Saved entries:
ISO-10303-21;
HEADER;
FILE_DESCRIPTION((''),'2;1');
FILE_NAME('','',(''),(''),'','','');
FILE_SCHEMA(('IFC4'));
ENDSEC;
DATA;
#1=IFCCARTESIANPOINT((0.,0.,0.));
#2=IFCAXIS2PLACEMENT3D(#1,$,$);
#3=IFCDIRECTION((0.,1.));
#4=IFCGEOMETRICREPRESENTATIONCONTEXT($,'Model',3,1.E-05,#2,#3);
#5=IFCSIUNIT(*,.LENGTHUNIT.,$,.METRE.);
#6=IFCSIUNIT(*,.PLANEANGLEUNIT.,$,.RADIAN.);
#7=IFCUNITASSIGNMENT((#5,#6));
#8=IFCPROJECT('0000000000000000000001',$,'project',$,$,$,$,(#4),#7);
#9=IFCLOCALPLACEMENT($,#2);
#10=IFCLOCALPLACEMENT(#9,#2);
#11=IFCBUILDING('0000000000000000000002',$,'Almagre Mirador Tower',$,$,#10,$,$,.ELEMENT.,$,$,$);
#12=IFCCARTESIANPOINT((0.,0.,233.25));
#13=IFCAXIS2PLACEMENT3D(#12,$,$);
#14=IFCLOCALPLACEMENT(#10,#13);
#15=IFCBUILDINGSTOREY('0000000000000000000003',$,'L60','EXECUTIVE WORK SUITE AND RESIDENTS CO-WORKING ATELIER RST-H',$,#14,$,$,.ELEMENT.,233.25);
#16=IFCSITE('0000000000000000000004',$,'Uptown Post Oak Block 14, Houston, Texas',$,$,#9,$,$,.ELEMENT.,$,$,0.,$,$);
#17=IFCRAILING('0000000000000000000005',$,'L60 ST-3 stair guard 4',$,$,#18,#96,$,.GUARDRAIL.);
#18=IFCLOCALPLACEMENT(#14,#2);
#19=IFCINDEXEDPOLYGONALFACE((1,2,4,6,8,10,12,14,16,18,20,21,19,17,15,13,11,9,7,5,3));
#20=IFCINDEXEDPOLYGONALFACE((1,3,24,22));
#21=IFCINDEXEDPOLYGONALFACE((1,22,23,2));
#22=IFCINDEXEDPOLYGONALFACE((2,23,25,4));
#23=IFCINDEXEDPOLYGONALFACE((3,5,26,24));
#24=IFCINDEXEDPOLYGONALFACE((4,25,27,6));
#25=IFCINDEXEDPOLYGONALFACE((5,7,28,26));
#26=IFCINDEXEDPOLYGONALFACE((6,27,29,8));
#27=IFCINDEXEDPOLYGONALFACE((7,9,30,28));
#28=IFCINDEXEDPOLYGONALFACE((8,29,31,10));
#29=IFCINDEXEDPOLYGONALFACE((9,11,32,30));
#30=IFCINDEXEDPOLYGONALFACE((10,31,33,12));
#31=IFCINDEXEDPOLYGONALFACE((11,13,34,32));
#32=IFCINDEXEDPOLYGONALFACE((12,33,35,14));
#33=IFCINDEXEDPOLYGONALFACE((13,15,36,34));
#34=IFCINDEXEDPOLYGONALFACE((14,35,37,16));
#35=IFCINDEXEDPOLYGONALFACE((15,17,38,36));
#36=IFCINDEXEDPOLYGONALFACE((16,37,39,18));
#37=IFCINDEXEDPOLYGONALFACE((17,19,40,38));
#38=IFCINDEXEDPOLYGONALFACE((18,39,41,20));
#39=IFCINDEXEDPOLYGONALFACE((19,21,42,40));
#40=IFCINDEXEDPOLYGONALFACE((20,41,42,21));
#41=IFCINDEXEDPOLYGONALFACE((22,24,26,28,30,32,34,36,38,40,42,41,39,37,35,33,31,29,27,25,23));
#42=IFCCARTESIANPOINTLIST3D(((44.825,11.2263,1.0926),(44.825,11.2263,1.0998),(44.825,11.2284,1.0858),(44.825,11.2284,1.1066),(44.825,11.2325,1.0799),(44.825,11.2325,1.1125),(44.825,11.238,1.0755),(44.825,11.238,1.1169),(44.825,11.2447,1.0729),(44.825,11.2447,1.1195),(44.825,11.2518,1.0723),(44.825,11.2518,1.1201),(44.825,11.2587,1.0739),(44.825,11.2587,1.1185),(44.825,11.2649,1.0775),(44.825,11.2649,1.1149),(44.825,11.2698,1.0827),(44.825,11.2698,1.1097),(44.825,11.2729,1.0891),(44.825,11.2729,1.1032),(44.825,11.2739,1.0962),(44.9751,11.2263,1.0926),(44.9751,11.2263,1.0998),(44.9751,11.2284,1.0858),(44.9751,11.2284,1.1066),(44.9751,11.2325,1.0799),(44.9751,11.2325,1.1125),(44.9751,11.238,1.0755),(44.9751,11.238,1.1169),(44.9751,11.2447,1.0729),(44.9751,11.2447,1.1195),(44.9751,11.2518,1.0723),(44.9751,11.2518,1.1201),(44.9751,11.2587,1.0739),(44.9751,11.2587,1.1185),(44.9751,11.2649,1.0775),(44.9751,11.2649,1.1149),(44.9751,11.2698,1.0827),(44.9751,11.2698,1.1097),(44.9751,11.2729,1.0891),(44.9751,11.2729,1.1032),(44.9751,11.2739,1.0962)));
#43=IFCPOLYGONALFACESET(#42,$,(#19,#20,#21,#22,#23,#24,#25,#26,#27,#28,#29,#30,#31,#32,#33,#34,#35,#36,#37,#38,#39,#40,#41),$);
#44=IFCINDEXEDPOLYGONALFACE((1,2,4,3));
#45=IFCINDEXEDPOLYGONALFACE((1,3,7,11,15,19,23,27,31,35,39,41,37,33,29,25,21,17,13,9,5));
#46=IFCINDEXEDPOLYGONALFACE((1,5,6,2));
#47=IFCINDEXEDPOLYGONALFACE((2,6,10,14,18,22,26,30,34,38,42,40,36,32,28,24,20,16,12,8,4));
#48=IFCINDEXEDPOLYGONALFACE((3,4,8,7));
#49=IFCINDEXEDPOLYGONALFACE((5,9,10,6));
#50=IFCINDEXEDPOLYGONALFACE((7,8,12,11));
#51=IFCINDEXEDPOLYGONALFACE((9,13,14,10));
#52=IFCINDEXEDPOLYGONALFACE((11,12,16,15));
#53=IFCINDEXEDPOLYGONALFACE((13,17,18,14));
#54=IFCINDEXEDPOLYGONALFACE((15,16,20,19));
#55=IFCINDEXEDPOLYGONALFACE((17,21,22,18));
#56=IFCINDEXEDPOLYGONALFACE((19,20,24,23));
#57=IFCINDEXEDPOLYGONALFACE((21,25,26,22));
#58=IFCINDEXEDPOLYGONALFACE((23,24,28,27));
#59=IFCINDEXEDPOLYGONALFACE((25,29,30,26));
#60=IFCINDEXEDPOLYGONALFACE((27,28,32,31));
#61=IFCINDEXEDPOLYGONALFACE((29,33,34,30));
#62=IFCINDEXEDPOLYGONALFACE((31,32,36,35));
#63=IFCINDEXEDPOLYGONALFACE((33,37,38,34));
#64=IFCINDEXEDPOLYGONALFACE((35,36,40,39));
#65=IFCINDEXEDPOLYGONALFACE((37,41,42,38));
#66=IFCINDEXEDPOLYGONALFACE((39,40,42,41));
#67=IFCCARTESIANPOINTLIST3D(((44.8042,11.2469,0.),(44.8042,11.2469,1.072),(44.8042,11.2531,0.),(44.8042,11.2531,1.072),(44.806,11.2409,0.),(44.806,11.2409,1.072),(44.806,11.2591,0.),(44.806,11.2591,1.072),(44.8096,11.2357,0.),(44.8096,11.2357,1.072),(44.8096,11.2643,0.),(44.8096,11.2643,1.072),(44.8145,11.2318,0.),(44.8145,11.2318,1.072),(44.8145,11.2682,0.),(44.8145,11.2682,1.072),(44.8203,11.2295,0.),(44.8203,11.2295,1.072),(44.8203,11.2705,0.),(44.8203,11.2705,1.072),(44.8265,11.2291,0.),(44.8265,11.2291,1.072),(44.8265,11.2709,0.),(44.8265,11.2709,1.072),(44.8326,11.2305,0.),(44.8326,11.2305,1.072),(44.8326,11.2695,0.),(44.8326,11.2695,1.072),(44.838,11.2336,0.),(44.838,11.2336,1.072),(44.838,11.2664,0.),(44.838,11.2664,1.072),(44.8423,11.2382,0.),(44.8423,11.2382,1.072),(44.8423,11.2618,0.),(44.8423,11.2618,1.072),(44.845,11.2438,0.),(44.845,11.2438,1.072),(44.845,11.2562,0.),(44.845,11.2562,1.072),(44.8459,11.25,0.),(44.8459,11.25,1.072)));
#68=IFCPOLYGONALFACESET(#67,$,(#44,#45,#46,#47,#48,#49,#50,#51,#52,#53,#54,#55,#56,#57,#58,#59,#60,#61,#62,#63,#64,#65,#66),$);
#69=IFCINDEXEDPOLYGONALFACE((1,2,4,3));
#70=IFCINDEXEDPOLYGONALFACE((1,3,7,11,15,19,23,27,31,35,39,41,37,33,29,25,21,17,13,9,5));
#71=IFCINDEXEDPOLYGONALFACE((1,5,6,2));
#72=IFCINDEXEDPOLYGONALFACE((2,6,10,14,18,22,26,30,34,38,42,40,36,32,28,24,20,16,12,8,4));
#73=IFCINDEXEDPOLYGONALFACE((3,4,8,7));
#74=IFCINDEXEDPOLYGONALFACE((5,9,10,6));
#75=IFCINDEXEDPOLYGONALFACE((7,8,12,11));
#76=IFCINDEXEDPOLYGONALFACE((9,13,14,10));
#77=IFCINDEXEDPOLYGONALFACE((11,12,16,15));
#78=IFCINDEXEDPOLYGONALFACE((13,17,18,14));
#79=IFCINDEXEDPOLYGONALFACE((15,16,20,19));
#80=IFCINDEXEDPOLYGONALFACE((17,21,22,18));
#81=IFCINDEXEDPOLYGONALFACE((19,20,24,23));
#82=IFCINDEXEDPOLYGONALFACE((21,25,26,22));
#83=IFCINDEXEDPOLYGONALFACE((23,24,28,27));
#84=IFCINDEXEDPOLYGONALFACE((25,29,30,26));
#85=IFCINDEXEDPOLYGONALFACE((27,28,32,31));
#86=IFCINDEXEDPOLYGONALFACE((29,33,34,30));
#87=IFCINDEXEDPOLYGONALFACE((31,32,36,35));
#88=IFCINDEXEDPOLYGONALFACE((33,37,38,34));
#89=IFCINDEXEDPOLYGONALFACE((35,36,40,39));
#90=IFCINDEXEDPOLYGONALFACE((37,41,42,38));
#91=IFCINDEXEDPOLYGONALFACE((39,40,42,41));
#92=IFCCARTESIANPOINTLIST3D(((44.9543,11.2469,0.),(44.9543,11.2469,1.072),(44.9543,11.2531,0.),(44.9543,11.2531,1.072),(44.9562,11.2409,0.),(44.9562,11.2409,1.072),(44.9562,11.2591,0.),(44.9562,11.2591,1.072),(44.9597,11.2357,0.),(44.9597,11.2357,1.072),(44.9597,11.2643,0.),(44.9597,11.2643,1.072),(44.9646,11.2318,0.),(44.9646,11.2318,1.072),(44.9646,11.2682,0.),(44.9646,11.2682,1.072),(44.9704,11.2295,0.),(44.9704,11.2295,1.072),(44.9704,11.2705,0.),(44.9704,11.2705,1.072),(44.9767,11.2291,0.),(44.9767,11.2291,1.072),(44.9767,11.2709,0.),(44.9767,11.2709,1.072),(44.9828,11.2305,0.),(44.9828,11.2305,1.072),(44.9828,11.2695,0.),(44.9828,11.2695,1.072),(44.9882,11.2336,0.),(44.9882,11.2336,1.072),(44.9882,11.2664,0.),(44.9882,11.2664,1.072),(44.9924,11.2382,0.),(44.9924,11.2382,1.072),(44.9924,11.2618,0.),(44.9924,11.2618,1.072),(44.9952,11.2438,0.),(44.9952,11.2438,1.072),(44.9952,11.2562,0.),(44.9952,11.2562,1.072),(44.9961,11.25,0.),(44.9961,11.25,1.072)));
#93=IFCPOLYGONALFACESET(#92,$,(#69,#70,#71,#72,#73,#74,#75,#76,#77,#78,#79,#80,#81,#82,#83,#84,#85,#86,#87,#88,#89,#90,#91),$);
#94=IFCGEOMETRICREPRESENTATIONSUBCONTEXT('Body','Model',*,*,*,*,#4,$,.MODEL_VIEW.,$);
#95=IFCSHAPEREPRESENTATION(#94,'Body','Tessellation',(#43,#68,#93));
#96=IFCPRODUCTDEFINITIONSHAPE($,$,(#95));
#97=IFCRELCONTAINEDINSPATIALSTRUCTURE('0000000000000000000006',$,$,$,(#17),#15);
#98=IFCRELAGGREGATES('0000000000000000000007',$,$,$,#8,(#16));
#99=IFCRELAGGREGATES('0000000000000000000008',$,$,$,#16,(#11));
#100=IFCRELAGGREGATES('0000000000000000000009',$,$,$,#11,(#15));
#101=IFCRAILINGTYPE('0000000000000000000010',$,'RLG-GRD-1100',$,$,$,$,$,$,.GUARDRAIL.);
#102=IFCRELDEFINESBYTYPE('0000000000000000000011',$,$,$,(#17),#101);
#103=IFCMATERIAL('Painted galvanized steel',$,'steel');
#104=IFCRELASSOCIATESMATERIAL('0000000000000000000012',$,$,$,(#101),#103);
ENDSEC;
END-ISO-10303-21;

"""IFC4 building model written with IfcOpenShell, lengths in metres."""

from ifc_helpers import new_model, si_unit, direction, frame, origin, origin_2d, place, context, subcontext, project, spatial, circle, extrude, material, type_object, element, save


model = new_model("IFC4")

# Units and contexts
model_context = context("Model", 3, precision=1e-05, world=origin(), true_north=direction((0.0, 1.0)))
body_context = subcontext(model_context, "Body", "Model", "MODEL_VIEW")
ifc_project = project(units=[si_unit("LENGTHUNIT", "METRE"), si_unit("PLANEANGLEUNIT", "RADIAN")], contexts=[model_context])

# Site, building, storey
site_placement = place(None, origin())
site = spatial("IfcSite", under=ifc_project, at=site_placement, Name="Uptown Post Oak Block 14, Houston, Texas", CompositionType="ELEMENT", RefElevation=0.0)
building_placement = place(site_placement, origin())
building = spatial("IfcBuilding", under=site, at=building_placement, Name="Almagre Mirador Tower", CompositionType="ELEMENT")
storey_placement = place(building_placement, frame((0.0, 0.0, 233.25)))
storey = spatial("IfcBuildingStorey", under=building, at=storey_placement, Name="L60", Description="EXECUTIVE WORK SUITE AND RESIDENTS CO-WORKING ATELIER RST-H", CompositionType="ELEMENT", Elevation=233.25)

# Railing
ifc_material_1 = material(Name="Painted galvanized steel", Category="steel")
railing_type_1 = type_object("IfcRailingType", Name="RLG-GRD-1100", PredefinedType="GUARDRAIL", material=ifc_material_1)
railing_1_placement = place(storey_placement, frame((44.825, 11.25, 0.0)))
element("IfcRailing", 1, at=railing_1_placement, inside=storey, type_object=railing_type_1, Name="L60 ST-3 stair guard 4", PredefinedType="GUARDRAIL", context=body_context, shape_type="SweptSolid", body=[
    extrude(circle(Radius=0.0239, at=origin_2d()), frame((0.0, 0.0, 1.0962), z_axis=(1.0, 0.0, 0.0), x_axis=(0.0, 1.0, 0.0)), (0.0, 0.0, 1.0), 0.1501),
    extrude(circle(Radius=0.021, at=origin_2d()), origin(), (0.0, 0.0, 1.0), 1.072),
    extrude(circle(Radius=0.021, at=origin_2d()), frame((0.1501, 0.0, 0.0)), (0.0, 0.0, 1.0), 1.072),
])

save(model, "model.ifc")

_Work task_:
Starting at the line above that contains "#88=IFCINDEXEDPOLYGONALFACE((33,37,38,34));", write out each line exactly until the line that contains "#91=IFCINDEXEDPOLYGONALFACE((39,40,42,41));" has been written, and stop there.

_Result for this exercise_:
#88=IFCINDEXEDPOLYGONALFACE((33,37,38,34));
#89=IFCINDEXEDPOLYGONALFACE((35,36,40,39));
#90=IFCINDEXEDPOLYGONALFACE((37,41,42,38));
#91=IFCINDEXEDPOLYGONALFACE((39,40,42,41));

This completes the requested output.